ASSIGNED TASK: Only the line containing "#81=IFCINDEXEDPOLYGONALFACE((29,30,34,33));" and the lines after it, up to the end of the listing, should be written out, each exactly as given.

DATA FOR THE TASK:

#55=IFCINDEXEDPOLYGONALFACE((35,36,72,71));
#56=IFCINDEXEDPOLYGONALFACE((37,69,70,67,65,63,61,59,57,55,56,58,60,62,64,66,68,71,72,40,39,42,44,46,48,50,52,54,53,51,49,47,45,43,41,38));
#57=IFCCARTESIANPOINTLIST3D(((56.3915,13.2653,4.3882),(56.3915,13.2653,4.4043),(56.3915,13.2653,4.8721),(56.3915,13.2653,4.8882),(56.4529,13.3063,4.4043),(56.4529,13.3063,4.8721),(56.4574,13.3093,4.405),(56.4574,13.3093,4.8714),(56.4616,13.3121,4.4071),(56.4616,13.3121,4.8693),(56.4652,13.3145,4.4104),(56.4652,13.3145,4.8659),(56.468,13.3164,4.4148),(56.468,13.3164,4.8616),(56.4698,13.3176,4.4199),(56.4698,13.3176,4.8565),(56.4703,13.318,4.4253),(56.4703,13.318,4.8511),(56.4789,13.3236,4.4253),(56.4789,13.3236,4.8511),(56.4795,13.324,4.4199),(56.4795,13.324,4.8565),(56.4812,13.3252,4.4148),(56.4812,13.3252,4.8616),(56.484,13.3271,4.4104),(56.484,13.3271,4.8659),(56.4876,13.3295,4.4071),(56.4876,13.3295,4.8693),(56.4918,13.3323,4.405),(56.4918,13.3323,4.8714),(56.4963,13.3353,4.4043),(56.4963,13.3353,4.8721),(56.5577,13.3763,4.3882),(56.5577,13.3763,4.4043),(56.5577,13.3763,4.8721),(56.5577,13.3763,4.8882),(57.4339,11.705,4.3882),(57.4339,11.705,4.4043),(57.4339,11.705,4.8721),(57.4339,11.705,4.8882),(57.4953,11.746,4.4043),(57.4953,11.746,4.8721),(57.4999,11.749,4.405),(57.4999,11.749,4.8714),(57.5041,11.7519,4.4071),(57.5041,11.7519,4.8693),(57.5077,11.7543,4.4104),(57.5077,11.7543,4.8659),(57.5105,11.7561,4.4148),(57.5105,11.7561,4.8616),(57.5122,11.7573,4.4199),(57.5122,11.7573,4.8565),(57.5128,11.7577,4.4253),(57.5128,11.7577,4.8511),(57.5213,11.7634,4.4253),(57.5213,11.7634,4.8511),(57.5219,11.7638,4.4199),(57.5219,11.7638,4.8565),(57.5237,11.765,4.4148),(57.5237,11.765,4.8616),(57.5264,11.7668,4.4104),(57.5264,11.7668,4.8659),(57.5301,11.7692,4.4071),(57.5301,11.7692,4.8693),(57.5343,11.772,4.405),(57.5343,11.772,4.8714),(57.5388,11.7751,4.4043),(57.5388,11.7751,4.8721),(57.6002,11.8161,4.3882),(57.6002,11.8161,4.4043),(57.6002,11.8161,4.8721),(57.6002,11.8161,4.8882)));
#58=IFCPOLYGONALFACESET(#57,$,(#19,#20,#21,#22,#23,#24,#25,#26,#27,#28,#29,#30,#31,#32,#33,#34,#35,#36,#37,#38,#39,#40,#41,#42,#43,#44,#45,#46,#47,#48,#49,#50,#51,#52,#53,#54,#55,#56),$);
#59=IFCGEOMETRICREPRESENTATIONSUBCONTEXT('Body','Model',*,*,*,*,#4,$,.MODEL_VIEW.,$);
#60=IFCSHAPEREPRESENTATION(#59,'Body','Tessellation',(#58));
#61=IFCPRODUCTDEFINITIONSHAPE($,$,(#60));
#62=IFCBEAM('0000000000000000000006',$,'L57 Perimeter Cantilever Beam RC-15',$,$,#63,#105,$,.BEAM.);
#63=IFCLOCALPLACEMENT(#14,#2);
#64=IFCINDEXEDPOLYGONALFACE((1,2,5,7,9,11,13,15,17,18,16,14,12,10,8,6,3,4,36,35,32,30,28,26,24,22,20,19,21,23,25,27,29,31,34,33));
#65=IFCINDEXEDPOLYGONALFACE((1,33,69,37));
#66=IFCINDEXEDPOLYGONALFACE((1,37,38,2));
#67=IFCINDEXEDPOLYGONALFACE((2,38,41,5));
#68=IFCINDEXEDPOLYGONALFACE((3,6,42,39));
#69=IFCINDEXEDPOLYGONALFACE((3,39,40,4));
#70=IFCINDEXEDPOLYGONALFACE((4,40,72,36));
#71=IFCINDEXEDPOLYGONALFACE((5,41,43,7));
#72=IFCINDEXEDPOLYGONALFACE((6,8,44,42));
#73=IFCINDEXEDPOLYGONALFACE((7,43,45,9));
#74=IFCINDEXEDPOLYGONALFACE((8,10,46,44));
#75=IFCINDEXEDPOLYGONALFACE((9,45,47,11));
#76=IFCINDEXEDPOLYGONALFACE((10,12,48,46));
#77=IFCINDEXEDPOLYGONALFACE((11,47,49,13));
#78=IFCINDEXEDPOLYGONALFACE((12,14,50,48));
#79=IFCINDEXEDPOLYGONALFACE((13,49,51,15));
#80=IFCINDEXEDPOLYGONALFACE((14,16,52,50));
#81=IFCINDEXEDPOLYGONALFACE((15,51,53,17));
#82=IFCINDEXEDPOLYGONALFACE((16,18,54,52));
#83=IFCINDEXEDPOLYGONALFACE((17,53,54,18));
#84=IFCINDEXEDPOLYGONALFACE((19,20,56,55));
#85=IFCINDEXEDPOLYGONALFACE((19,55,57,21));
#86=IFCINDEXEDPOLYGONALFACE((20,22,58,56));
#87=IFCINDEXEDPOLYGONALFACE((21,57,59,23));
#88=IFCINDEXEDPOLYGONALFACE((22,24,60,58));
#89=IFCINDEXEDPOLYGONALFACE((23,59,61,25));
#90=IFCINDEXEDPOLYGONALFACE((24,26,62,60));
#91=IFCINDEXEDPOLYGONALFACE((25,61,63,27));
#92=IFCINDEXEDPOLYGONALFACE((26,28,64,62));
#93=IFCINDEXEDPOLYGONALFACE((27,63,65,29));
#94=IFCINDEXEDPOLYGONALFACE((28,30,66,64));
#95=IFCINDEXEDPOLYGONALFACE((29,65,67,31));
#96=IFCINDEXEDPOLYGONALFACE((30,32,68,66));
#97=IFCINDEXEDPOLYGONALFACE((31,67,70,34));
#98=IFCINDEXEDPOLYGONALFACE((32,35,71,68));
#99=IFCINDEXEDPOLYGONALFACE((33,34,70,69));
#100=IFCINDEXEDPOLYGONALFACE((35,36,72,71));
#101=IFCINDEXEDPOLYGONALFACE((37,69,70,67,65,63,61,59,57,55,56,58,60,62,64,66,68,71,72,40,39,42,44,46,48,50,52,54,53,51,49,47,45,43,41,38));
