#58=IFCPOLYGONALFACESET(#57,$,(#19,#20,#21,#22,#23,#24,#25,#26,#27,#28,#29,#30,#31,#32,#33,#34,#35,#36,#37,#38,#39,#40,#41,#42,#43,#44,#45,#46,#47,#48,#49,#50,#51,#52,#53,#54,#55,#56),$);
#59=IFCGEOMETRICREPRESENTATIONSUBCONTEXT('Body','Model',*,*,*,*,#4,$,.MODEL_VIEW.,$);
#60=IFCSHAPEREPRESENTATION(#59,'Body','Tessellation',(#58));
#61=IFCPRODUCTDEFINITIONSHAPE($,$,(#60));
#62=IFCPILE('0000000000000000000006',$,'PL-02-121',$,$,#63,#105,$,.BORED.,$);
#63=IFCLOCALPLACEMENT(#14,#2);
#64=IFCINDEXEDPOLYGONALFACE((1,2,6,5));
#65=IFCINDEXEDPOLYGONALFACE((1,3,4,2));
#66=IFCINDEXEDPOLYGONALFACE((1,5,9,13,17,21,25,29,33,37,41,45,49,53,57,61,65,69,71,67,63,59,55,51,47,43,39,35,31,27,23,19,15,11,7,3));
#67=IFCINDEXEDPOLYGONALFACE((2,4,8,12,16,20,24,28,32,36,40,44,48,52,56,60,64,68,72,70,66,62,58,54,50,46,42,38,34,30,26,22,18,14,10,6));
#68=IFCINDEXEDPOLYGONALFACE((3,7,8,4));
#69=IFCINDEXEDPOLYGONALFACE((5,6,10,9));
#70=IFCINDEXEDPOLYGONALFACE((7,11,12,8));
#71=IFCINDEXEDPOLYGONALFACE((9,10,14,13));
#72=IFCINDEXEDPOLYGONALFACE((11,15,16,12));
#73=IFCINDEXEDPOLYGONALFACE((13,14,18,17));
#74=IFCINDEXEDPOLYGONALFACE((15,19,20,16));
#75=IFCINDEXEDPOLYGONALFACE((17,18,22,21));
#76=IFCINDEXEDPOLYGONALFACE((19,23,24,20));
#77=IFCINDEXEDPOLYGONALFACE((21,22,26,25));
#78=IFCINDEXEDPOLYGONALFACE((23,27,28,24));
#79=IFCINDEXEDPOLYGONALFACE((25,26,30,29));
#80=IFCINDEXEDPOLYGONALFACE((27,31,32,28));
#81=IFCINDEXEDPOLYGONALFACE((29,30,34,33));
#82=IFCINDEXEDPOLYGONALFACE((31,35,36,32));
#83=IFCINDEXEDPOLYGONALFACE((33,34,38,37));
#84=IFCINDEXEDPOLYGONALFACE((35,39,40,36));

THE COMPLETED TASK:
#81=IFCINDEXEDPOLYGONALFACE((29,30,34,33));
#82=IFCINDEXEDPOLYGONALFACE((31,35,36,32));
#83=IFCINDEXEDPOLYGONALFACE((33,34,38,37));
#84=IFCINDEXEDPOLYGONALFACE((35,39,40,36));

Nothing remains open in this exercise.